* [Problem statement] State, as one number, how many lines in these records hold "Priority".

* [Exercise data]
+-------+

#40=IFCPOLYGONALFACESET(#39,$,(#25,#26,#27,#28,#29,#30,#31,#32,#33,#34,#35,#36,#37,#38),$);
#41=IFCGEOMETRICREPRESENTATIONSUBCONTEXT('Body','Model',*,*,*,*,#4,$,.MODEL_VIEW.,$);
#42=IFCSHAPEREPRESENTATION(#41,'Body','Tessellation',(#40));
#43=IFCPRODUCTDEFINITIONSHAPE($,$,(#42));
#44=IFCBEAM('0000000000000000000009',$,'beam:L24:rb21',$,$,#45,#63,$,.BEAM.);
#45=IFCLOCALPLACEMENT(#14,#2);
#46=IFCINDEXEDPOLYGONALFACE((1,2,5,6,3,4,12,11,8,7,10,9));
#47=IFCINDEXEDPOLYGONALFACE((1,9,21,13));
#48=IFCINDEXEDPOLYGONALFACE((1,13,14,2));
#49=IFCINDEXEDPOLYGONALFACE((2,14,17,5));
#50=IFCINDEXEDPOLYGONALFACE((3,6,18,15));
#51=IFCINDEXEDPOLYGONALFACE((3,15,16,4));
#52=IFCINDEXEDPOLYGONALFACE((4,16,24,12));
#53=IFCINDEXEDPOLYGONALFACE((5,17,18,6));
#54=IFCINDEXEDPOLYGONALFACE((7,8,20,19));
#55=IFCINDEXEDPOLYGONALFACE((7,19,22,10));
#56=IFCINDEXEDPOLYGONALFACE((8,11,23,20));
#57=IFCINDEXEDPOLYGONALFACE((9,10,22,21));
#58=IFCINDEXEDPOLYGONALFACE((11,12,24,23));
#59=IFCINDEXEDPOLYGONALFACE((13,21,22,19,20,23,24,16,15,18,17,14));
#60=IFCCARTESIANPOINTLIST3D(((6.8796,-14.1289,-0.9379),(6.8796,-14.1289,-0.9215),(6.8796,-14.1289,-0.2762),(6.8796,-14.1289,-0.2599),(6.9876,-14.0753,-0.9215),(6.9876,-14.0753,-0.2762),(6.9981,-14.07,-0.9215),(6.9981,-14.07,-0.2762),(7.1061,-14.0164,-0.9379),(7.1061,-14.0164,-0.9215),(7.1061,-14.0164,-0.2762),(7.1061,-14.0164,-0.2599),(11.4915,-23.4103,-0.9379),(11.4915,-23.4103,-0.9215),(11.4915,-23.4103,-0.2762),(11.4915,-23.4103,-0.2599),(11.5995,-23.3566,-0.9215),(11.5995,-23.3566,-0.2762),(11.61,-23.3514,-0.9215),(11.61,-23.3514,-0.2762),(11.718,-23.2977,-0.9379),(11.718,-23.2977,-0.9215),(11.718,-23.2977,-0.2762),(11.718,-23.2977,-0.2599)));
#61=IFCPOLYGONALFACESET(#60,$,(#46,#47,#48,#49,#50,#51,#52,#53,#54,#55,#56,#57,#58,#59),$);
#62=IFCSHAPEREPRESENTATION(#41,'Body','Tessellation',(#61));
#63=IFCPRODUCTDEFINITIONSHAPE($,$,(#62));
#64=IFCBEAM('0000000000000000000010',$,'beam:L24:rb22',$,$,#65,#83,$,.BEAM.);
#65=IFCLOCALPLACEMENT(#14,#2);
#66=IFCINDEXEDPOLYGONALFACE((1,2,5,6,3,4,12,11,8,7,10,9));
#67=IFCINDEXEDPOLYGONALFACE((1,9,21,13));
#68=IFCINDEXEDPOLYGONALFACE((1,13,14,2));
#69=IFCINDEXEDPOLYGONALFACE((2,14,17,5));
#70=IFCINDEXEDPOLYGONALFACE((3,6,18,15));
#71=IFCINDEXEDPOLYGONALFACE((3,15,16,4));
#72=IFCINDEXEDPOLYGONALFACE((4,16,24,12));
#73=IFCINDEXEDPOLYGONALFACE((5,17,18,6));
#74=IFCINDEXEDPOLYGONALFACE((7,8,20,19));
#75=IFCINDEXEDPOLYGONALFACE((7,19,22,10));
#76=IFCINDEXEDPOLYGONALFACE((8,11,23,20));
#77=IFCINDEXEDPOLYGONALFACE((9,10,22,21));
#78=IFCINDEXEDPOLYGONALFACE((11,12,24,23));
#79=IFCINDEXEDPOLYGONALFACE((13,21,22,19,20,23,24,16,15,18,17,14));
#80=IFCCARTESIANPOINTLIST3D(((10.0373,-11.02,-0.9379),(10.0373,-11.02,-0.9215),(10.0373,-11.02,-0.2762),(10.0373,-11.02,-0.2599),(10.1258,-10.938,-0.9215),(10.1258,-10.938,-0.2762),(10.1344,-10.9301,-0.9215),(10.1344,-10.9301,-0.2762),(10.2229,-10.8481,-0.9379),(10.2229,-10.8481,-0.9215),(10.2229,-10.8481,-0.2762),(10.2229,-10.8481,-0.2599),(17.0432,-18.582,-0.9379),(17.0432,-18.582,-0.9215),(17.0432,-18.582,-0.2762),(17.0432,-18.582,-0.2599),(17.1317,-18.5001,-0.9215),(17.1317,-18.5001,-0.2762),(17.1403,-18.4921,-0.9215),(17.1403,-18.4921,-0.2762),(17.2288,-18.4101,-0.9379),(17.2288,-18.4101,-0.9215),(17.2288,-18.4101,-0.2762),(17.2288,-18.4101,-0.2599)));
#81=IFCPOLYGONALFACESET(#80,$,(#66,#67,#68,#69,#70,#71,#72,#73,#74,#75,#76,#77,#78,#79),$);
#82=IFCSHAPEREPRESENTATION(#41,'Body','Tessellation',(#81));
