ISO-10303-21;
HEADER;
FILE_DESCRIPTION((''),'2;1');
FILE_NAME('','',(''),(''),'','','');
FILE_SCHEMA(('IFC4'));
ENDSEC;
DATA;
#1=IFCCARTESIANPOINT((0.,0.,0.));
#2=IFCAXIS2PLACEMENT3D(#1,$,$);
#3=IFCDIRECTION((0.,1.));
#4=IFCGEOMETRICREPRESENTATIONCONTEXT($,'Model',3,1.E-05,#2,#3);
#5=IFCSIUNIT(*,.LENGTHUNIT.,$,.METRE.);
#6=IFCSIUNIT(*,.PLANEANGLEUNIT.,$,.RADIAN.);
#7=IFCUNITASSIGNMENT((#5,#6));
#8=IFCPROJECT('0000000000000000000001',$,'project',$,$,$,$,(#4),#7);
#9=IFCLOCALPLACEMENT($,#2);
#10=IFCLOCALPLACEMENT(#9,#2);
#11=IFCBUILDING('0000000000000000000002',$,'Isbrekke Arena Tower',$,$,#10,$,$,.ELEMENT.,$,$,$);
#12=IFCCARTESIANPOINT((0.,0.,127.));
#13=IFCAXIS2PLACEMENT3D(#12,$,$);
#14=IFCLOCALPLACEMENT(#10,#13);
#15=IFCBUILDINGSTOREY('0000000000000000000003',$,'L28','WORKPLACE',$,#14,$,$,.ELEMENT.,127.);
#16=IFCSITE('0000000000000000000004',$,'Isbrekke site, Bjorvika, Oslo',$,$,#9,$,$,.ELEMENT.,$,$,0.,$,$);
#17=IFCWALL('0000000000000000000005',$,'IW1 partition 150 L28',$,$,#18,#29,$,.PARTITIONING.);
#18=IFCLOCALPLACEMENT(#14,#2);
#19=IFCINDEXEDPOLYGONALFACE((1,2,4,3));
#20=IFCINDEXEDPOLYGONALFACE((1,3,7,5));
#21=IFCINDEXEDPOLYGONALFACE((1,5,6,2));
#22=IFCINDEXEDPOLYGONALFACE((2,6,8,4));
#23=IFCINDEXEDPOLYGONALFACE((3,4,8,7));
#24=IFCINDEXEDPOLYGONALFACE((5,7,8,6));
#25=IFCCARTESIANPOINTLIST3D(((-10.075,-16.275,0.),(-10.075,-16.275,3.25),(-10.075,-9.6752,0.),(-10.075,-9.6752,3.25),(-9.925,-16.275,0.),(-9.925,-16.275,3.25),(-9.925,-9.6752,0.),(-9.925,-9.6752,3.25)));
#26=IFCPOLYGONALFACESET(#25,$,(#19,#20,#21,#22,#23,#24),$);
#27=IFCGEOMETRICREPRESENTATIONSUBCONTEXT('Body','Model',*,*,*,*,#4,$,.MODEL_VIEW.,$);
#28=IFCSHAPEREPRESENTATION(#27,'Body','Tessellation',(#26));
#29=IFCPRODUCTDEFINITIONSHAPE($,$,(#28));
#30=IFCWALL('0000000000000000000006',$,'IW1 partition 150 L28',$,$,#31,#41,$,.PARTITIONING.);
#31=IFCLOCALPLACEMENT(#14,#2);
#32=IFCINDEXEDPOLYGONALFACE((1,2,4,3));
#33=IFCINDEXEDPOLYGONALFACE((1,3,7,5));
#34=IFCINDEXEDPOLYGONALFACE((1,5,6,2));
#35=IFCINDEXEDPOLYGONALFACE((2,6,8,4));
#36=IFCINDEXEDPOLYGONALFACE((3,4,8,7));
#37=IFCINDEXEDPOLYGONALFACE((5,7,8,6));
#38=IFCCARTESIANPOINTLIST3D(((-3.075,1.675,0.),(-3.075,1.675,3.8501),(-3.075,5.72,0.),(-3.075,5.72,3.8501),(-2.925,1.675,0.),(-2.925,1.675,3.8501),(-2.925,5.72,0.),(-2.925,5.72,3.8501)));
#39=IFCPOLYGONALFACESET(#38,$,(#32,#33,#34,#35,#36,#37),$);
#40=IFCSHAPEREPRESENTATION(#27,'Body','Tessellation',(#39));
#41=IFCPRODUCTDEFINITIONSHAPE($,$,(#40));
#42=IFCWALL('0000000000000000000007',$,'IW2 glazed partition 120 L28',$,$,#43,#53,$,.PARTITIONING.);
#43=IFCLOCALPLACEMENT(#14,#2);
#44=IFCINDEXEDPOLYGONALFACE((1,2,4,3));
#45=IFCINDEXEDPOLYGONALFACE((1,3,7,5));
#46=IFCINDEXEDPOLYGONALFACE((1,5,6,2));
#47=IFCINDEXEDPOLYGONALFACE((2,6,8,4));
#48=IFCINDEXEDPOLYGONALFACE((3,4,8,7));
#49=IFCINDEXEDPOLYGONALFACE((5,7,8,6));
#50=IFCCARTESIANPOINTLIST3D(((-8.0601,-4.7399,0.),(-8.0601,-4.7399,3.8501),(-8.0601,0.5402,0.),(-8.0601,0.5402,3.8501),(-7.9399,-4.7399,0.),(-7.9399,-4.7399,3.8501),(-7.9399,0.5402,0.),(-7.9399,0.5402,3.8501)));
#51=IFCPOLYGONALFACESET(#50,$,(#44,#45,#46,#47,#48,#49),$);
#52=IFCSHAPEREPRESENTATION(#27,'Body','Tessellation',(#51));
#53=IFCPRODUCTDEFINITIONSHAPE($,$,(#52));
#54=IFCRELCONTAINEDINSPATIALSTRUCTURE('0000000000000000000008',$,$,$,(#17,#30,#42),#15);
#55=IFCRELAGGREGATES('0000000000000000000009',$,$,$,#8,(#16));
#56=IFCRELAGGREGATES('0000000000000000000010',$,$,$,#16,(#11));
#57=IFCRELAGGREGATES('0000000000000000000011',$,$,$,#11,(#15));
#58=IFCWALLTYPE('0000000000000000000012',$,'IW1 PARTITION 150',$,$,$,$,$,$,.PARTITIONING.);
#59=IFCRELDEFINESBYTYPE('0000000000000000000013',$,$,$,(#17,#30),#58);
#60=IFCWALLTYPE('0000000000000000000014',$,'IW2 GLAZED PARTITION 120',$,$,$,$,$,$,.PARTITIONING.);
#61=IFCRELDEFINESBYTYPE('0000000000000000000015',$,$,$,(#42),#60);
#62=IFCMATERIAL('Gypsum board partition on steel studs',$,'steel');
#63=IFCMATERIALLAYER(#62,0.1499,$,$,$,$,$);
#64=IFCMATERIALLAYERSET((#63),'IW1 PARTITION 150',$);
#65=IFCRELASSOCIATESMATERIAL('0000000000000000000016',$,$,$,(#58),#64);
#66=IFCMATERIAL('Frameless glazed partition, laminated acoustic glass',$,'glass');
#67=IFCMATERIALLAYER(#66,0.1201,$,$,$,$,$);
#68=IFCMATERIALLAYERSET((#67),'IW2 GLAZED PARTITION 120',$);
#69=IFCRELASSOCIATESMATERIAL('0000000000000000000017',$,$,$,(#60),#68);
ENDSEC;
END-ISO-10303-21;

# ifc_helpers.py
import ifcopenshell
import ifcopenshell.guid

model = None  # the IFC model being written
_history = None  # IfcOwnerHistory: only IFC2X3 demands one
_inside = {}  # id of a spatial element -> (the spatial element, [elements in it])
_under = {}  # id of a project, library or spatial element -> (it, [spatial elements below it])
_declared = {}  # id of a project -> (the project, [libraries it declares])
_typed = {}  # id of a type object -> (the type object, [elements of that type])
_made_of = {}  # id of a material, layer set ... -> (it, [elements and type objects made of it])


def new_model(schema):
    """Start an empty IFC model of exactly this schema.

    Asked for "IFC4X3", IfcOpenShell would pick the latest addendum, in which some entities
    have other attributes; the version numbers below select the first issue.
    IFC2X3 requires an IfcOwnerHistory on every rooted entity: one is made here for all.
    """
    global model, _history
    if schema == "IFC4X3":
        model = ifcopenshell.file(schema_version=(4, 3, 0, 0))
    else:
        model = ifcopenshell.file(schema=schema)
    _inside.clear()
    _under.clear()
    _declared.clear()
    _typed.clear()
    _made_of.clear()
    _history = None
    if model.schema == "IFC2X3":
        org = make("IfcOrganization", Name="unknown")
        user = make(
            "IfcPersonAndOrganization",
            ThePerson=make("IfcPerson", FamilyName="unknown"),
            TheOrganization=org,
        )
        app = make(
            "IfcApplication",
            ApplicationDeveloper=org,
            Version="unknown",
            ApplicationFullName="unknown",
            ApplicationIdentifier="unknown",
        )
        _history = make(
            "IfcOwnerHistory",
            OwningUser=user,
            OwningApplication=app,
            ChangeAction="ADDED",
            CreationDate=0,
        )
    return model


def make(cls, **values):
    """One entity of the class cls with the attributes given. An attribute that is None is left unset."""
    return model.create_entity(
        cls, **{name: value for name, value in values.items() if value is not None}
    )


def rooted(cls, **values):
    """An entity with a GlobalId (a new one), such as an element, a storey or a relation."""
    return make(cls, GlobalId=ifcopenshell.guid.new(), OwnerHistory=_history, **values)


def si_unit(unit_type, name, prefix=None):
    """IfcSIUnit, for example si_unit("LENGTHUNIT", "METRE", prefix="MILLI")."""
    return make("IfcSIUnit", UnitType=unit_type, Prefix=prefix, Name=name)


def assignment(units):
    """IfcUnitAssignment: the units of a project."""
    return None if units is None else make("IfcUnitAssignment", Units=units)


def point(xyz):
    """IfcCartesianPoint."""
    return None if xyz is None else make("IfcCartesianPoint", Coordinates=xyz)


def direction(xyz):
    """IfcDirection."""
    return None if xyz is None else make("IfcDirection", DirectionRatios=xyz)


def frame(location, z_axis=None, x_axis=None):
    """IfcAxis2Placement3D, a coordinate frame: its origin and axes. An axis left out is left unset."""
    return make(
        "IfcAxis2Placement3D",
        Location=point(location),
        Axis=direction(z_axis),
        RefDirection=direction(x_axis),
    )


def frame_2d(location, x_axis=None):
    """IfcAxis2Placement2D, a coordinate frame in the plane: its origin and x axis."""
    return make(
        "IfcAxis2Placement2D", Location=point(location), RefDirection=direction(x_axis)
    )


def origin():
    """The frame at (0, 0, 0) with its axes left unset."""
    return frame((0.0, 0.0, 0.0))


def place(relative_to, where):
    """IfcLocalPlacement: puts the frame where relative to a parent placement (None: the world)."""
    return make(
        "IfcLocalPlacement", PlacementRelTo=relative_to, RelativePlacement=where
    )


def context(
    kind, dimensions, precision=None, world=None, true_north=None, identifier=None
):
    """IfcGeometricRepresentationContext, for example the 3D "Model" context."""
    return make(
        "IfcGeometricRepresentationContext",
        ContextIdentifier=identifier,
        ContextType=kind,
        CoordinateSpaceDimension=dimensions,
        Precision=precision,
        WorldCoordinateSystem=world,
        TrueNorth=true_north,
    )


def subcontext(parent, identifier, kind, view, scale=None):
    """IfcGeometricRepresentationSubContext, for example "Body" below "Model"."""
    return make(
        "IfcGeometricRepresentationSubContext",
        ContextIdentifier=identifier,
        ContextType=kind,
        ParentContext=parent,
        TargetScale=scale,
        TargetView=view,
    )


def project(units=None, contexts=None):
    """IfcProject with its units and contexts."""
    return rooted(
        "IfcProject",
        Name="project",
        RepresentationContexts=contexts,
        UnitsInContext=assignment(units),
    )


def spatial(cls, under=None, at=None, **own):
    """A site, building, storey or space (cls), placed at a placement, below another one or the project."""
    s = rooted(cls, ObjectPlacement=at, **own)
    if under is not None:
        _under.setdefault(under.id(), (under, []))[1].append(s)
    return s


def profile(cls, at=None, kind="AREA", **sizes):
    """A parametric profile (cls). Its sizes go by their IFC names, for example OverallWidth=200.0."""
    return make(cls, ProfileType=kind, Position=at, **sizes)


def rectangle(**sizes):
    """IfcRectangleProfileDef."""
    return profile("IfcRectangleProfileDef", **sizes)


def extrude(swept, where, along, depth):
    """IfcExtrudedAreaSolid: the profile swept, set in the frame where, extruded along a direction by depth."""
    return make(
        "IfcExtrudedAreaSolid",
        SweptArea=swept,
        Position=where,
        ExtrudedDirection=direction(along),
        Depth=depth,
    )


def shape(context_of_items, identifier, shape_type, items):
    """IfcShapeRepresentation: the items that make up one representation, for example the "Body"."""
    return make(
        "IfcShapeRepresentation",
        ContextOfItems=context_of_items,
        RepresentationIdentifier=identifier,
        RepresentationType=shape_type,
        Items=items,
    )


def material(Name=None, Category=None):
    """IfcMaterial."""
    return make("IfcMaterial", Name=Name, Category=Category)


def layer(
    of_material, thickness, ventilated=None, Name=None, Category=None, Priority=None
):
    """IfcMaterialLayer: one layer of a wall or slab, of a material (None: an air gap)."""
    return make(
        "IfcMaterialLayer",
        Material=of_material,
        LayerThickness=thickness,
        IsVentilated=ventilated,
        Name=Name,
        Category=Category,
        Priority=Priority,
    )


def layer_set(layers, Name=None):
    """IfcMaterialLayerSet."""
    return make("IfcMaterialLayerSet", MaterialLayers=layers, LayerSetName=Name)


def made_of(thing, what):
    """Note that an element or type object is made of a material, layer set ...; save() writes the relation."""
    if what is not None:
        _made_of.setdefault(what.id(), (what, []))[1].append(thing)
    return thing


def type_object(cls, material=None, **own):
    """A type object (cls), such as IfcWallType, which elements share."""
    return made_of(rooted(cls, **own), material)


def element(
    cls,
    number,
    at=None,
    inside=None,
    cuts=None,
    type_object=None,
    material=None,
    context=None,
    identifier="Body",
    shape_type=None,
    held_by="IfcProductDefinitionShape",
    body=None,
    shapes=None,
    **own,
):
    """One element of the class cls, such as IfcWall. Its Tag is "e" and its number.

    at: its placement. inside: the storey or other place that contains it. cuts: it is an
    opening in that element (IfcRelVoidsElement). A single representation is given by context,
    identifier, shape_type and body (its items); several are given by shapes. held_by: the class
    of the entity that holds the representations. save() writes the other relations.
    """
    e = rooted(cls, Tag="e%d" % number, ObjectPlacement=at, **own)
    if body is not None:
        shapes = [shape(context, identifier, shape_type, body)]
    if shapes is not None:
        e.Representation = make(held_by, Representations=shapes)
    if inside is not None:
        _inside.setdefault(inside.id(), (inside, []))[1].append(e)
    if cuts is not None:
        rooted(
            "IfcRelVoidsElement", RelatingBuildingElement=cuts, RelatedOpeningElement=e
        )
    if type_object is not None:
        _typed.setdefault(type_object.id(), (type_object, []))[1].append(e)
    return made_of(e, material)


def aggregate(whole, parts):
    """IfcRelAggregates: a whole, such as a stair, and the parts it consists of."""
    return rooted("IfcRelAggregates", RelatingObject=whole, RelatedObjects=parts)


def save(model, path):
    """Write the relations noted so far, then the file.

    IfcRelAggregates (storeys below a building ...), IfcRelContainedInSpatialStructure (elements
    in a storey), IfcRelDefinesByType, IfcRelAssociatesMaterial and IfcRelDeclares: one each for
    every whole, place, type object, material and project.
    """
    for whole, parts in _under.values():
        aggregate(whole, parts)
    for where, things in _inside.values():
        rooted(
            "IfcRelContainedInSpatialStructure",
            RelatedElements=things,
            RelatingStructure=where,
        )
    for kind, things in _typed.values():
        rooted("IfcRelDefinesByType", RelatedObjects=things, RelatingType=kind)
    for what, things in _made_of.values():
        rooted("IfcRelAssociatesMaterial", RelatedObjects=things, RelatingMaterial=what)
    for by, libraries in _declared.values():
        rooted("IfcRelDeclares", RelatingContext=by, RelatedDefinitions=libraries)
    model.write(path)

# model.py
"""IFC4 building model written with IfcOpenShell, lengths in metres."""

from ifc_helpers import new_model, si_unit, direction, frame, frame_2d, origin, place, context, subcontext, project, spatial, rectangle, extrude, material, layer, layer_set, type_object, element, save


model = new_model("IFC4")

# Units and contexts
model_context = context("Model", 3, precision=1e-05, world=origin(), true_north=direction((0.0, 1.0)))
body_context = subcontext(model_context, "Body", "Model", "MODEL_VIEW")
ifc_project = project(units=[si_unit("LENGTHUNIT", "METRE"), si_unit("PLANEANGLEUNIT", "RADIAN")], contexts=[model_context])

# Site, building, storey
site_placement = place(None, origin())
site = spatial("IfcSite", under=ifc_project, at=site_placement, Name="Isbrekke site, Bjorvika, Oslo", CompositionType="ELEMENT", RefElevation=0.0)
building_placement = place(site_placement, origin())
building = spatial("IfcBuilding", under=site, at=building_placement, Name="Isbrekke Arena Tower", CompositionType="ELEMENT")
storey_placement = place(building_placement, frame((0.0, 0.0, 127.0)))
storey = spatial("IfcBuildingStorey", under=building, at=storey_placement, Name="L28", Description="WORKPLACE", CompositionType="ELEMENT", Elevation=127.0)

# Shared definitions
ifc_material_1 = material(Name="Gypsum board partition on steel studs", Category="steel")
ifc_layer_1 = layer(ifc_material_1, 0.1499)
ifc_layer_set_1 = layer_set([ifc_layer_1], Name="IW1 PARTITION 150")
wall_type_1 = type_object("IfcWallType", Name="IW1 PARTITION 150", PredefinedType="PARTITIONING", material=ifc_layer_set_1)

+-------+

* [Answer for this exercise] 2